[Stored data]
________________________________________
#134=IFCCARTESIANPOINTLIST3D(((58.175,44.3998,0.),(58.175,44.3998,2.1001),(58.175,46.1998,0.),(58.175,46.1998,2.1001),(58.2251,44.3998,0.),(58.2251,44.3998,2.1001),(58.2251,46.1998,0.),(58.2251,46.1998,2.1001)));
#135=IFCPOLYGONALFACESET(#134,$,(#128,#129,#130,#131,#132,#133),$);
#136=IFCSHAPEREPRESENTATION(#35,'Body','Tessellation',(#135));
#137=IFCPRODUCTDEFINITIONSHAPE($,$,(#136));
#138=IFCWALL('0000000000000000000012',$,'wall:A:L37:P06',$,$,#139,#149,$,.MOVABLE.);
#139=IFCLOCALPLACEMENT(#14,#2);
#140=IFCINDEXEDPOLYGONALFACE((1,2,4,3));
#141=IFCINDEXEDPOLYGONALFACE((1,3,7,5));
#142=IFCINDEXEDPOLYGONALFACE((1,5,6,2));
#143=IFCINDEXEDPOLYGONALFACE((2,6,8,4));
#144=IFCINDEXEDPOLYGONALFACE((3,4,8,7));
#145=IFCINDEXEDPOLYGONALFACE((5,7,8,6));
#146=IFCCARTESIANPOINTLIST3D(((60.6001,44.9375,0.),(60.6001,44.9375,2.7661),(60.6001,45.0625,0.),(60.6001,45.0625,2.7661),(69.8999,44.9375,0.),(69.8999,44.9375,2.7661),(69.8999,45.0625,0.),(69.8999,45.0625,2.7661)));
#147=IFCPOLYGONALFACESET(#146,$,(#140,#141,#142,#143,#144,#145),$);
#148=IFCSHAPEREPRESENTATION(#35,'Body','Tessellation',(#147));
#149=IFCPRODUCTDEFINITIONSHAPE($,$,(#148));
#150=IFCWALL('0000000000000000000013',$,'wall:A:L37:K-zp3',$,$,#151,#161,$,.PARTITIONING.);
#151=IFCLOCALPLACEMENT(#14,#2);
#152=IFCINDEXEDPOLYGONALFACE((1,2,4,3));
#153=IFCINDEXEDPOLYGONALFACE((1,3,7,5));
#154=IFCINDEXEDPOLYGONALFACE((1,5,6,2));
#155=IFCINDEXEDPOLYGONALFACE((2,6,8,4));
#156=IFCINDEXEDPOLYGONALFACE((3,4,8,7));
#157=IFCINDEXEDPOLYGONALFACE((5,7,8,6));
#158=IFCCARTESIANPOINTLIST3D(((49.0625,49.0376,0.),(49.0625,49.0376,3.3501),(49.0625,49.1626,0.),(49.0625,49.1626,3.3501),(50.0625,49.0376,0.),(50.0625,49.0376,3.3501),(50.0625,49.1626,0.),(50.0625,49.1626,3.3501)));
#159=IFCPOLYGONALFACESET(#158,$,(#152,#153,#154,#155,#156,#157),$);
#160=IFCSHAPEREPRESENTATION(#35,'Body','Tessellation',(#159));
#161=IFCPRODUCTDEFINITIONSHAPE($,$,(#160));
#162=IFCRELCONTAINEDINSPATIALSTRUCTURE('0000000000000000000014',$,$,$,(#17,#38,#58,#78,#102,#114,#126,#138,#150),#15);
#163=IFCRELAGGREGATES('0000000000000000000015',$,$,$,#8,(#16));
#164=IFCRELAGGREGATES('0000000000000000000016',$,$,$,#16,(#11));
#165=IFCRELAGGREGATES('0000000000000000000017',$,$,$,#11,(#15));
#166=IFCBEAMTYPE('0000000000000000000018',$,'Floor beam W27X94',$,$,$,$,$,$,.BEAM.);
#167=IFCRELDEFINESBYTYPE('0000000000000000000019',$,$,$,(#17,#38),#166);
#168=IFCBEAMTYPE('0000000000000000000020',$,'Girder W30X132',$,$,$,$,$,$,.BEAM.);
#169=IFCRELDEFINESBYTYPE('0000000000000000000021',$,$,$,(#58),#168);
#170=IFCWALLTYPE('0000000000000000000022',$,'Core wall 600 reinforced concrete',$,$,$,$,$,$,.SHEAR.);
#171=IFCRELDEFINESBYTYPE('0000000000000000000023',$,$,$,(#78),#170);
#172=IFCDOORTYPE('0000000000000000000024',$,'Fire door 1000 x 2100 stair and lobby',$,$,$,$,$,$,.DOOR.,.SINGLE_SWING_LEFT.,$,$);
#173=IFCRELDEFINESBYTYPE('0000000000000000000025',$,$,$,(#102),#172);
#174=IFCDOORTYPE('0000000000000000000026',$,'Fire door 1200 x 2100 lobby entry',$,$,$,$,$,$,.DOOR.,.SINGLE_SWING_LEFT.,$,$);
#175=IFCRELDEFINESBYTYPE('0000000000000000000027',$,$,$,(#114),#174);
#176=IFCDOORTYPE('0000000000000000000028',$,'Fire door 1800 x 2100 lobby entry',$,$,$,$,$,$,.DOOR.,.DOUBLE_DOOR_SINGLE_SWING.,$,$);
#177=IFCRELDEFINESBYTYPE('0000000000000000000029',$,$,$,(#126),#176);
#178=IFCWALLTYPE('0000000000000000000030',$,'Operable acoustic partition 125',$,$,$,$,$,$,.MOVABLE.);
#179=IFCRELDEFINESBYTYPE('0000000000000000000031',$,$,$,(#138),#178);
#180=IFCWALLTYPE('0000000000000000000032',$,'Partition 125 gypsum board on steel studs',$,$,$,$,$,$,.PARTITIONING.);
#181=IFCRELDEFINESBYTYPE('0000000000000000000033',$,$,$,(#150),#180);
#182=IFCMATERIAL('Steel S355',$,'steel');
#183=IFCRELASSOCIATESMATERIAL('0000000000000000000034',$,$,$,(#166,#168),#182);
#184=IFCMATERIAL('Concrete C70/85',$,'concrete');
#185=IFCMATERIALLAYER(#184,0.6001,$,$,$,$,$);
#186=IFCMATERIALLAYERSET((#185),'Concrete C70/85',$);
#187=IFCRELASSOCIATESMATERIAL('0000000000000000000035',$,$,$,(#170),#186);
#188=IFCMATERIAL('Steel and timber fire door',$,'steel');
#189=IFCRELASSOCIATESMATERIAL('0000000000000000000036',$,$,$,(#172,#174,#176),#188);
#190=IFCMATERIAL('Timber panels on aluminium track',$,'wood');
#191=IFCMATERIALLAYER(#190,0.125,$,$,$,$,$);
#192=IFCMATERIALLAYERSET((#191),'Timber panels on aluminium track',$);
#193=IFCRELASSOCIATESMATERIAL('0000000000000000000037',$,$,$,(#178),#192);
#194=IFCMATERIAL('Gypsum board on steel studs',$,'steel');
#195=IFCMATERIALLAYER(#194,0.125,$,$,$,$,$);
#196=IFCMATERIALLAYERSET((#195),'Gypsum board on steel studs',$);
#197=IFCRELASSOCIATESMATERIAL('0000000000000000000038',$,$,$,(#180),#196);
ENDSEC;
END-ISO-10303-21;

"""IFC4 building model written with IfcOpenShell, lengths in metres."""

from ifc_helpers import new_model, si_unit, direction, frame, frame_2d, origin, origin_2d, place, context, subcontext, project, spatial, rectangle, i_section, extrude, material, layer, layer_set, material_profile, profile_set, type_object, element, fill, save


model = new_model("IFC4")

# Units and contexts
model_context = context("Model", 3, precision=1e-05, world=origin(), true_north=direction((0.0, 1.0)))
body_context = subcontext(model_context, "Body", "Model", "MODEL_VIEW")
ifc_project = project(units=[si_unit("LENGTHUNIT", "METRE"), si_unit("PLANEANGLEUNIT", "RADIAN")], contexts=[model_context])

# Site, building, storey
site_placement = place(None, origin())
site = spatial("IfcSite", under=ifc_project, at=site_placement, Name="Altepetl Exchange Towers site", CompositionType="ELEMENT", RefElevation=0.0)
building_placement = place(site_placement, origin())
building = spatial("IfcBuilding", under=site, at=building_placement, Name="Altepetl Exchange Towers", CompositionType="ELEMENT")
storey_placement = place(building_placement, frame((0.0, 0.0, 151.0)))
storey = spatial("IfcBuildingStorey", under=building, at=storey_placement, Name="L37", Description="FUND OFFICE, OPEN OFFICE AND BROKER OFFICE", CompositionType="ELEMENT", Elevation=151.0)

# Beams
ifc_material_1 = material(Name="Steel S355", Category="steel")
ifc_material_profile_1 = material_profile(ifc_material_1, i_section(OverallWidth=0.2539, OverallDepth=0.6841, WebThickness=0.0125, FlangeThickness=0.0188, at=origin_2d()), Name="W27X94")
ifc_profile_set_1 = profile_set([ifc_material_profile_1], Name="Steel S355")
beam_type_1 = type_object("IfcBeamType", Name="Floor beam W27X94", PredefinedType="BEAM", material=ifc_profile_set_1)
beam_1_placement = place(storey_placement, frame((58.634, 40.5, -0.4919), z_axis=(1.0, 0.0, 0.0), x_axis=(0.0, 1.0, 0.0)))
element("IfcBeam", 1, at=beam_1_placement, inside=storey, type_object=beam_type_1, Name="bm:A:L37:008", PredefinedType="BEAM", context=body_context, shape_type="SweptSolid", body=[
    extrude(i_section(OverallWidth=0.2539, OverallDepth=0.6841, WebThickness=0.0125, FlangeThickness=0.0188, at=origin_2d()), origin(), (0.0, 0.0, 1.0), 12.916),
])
________________________________________
### Requirement
Determine how many lines above contain the string "IFCPOLYGONALFACESET". Give only that number.

### Solution to the exercise
3